(Collected data entries)
>>>
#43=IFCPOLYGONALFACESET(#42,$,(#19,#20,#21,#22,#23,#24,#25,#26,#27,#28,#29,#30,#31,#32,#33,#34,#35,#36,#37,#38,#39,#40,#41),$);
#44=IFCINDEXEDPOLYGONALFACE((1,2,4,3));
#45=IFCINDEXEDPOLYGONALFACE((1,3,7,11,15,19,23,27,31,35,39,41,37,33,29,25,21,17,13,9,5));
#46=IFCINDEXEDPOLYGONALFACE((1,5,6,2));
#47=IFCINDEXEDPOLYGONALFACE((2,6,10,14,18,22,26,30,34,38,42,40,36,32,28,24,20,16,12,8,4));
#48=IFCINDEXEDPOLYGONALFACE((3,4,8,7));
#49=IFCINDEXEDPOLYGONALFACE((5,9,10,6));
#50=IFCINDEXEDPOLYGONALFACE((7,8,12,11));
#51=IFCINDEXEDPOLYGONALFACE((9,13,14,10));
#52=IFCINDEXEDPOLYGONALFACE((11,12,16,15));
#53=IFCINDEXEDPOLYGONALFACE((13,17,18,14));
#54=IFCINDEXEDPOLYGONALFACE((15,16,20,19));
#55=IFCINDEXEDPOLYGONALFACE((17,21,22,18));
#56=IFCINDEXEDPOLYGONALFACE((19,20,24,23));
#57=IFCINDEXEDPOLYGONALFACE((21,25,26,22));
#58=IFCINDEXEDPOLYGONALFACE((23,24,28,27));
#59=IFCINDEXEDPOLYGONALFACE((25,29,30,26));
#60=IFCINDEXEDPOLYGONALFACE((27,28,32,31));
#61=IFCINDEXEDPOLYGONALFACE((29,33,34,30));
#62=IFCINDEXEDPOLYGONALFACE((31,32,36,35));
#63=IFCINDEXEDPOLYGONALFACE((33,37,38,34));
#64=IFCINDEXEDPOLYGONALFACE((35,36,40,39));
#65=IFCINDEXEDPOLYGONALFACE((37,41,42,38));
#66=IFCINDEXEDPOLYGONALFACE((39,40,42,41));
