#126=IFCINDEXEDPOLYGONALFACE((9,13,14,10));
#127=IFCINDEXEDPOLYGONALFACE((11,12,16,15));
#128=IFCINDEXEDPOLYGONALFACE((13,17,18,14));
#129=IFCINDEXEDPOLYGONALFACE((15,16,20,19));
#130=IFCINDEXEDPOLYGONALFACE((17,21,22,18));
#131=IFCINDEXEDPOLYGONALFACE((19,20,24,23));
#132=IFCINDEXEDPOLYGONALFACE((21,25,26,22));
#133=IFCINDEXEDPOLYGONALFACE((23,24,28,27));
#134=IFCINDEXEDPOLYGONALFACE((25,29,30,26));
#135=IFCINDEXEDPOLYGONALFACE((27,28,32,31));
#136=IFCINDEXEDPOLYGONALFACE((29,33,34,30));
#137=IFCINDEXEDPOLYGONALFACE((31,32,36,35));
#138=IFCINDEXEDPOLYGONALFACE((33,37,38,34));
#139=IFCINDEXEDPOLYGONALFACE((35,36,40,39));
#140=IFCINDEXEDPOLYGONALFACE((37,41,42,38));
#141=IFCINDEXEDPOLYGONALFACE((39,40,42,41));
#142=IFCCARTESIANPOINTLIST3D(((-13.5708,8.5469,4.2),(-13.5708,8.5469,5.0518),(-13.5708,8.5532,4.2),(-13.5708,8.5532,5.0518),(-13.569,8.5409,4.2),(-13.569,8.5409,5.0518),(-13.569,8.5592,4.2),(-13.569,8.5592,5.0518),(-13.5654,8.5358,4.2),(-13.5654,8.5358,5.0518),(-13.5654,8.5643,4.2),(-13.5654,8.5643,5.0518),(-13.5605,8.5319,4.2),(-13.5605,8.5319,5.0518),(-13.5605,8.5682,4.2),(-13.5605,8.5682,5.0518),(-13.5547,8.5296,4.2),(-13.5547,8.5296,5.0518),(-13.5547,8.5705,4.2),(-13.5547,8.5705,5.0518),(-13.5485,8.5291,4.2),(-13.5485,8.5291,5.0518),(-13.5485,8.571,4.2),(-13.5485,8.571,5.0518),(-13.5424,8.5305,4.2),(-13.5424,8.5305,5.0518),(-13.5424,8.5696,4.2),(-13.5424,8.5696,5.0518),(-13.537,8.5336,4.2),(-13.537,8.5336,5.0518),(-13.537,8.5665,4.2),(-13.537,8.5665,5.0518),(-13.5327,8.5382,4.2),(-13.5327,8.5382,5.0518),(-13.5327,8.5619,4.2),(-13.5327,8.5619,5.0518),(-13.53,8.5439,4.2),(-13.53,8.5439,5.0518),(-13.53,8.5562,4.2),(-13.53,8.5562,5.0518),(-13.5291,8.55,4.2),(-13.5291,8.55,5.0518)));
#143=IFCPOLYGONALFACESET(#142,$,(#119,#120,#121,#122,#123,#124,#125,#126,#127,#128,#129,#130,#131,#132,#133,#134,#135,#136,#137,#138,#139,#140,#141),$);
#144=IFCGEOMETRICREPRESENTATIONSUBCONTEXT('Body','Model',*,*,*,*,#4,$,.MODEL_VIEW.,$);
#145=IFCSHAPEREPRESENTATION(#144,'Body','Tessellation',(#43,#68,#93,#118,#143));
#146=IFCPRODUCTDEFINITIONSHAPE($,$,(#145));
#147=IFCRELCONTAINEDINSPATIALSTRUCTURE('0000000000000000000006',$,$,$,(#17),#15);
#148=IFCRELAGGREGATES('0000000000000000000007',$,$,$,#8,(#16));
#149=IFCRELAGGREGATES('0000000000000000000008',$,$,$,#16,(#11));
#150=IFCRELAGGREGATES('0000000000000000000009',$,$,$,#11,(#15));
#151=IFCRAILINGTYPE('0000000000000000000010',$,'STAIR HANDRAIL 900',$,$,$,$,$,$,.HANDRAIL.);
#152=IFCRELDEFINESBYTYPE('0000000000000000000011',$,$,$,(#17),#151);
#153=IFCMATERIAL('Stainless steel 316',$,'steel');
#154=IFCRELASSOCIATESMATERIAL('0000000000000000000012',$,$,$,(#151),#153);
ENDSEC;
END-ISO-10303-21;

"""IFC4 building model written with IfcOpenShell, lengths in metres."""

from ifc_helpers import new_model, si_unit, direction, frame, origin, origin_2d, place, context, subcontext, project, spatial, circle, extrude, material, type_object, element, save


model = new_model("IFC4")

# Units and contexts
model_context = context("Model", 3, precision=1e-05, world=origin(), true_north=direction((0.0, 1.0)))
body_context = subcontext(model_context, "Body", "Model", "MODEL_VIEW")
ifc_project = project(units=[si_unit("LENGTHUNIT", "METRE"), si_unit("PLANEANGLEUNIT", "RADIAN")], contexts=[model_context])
<<<
[Exercise]:
Return the data above in full, keeping each line exactly as it stands.

[Response]:
#43=IFCPOLYGONALFACESET(#42,$,(#19,#20,#21,#22,#23,#24,#25,#26,#27,#28,#29,#30,#31,#32,#33,#34,#35,#36,#37,#38,#39,#40,#41),$);
#44=IFCINDEXEDPOLYGONALFACE((1,2,4,3));
#45=IFCINDEXEDPOLYGONALFACE((1,3,7,11,15,19,23,27,31,35,39,41,37,33,29,25,21,17,13,9,5));
#46=IFCINDEXEDPOLYGONALFACE((1,5,6,2));
#47=IFCINDEXEDPOLYGONALFACE((2,6,10,14,18,22,26,30,34,38,42,40,36,32,28,24,20,16,12,8,4));
#48=IFCINDEXEDPOLYGONALFACE((3,4,8,7));
#49=IFCINDEXEDPOLYGONALFACE((5,9,10,6));
#50=IFCINDEXEDPOLYGONALFACE((7,8,12,11));
#51=IFCINDEXEDPOLYGONALFACE((9,13,14,10));
#52=IFCINDEXEDPOLYGONALFACE((11,12,16,15));
#53=IFCINDEXEDPOLYGONALFACE((13,17,18,14));
#54=IFCINDEXEDPOLYGONALFACE((15,16,20,19));
#55=IFCINDEXEDPOLYGONALFACE((17,21,22,18));
#56=IFCINDEXEDPOLYGONALFACE((19,20,24,23));
#57=IFCINDEXEDPOLYGONALFACE((21,25,26,22));
#58=IFCINDEXEDPOLYGONALFACE((23,24,28,27));
#59=IFCINDEXEDPOLYGONALFACE((25,29,30,26));
#60=IFCINDEXEDPOLYGONALFACE((27,28,32,31));
#61=IFCINDEXEDPOLYGONALFACE((29,33,34,30));
#62=IFCINDEXEDPOLYGONALFACE((31,32,36,35));
#63=IFCINDEXEDPOLYGONALFACE((33,37,38,34));
#64=IFCINDEXEDPOLYGONALFACE((35,36,40,39));
#65=IFCINDEXEDPOLYGONALFACE((37,41,42,38));
#66=IFCINDEXEDPOLYGONALFACE((39,40,42,41));
#126=IFCINDEXEDPOLYGONALFACE((9,13,14,10));
#127=IFCINDEXEDPOLYGONALFACE((11,12,16,15));
#128=IFCINDEXEDPOLYGONALFACE((13,17,18,14));
#129=IFCINDEXEDPOLYGONALFACE((15,16,20,19));
#130=IFCINDEXEDPOLYGONALFACE((17,21,22,18));
#131=IFCINDEXEDPOLYGONALFACE((19,20,24,23));
#132=IFCINDEXEDPOLYGONALFACE((21,25,26,22));
#133=IFCINDEXEDPOLYGONALFACE((23,24,28,27));
#134=IFCINDEXEDPOLYGONALFACE((25,29,30,26));
#135=IFCINDEXEDPOLYGONALFACE((27,28,32,31));
#136=IFCINDEXEDPOLYGONALFACE((29,33,34,30));
#137=IFCINDEXEDPOLYGONALFACE((31,32,36,35));
#138=IFCINDEXEDPOLYGONALFACE((33,37,38,34));
#139=IFCINDEXEDPOLYGONALFACE((35,36,40,39));
#140=IFCINDEXEDPOLYGONALFACE((37,41,42,38));
#141=IFCINDEXEDPOLYGONALFACE((39,40,42,41));
#142=IFCCARTESIANPOINTLIST3D(((-13.5708,8.5469,4.2),(-13.5708,8.5469,5.0518),(-13.5708,8.5532,4.2),(-13.5708,8.5532,5.0518),(-13.569,8.5409,4.2),(-13.569,8.5409,5.0518),(-13.569,8.5592,4.2),(-13.569,8.5592,5.0518),(-13.5654,8.5358,4.2),(-13.5654,8.5358,5.0518),(-13.5654,8.5643,4.2),(-13.5654,8.5643,5.0518),(-13.5605,8.5319,4.2),(-13.5605,8.5319,5.0518),(-13.5605,8.5682,4.2),(-13.5605,8.5682,5.0518),(-13.5547,8.5296,4.2),(-13.5547,8.5296,5.0518),(-13.5547,8.5705,4.2),(-13.5547,8.5705,5.0518),(-13.5485,8.5291,4.2),(-13.5485,8.5291,5.0518),(-13.5485,8.571,4.2),(-13.5485,8.571,5.0518),(-13.5424,8.5305,4.2),(-13.5424,8.5305,5.0518),(-13.5424,8.5696,4.2),(-13.5424,8.5696,5.0518),(-13.537,8.5336,4.2),(-13.537,8.5336,5.0518),(-13.537,8.5665,4.2),(-13.537,8.5665,5.0518),(-13.5327,8.5382,4.2),(-13.5327,8.5382,5.0518),(-13.5327,8.5619,4.2),(-13.5327,8.5619,5.0518),(-13.53,8.5439,4.2),(-13.53,8.5439,5.0518),(-13.53,8.5562,4.2),(-13.53,8.5562,5.0518),(-13.5291,8.55,4.2),(-13.5291,8.55,5.0518)));
#143=IFCPOLYGONALFACESET(#142,$,(#119,#120,#121,#122,#123,#124,#125,#126,#127,#128,#129,#130,#131,#132,#133,#134,#135,#136,#137,#138,#139,#140,#141),$);
#144=IFCGEOMETRICREPRESENTATIONSUBCONTEXT('Body','Model',*,*,*,*,#4,$,.MODEL_VIEW.,$);
#145=IFCSHAPEREPRESENTATION(#144,'Body','Tessellation',(#43,#68,#93,#118,#143));
#146=IFCPRODUCTDEFINITIONSHAPE($,$,(#145));
#147=IFCRELCONTAINEDINSPATIALSTRUCTURE('0000000000000000000006',$,$,$,(#17),#15);
#148=IFCRELAGGREGATES('0000000000000000000007',$,$,$,#8,(#16));
#149=IFCRELAGGREGATES('0000000000000000000008',$,$,$,#16,(#11));
#150=IFCRELAGGREGATES('0000000000000000000009',$,$,$,#11,(#15));
#151=IFCRAILINGTYPE('0000000000000000000010',$,'STAIR HANDRAIL 900',$,$,$,$,$,$,.HANDRAIL.);
#152=IFCRELDEFINESBYTYPE('0000000000000000000011',$,$,$,(#17),#151);
#153=IFCMATERIAL('Stainless steel 316',$,'steel');
#154=IFCRELASSOCIATESMATERIAL('0000000000000000000012',$,$,$,(#151),#153);
ENDSEC;
END-ISO-10303-21;

"""IFC4 building model written with IfcOpenShell, lengths in metres."""

from ifc_helpers import new_model, si_unit, direction, frame, origin, origin_2d, place, context, subcontext, project, spatial, circle, extrude, material, type_object, element, save


model = new_model("IFC4")

# Units and contexts
model_context = context("Model", 3, precision=1e-05, world=origin(), true_north=direction((0.0, 1.0)))
body_context = subcontext(model_context, "Body", "Model", "MODEL_VIEW")
ifc_project = project(units=[si_unit("LENGTHUNIT", "METRE"), si_unit("PLANEANGLEUNIT", "RADIAN")], contexts=[model_context])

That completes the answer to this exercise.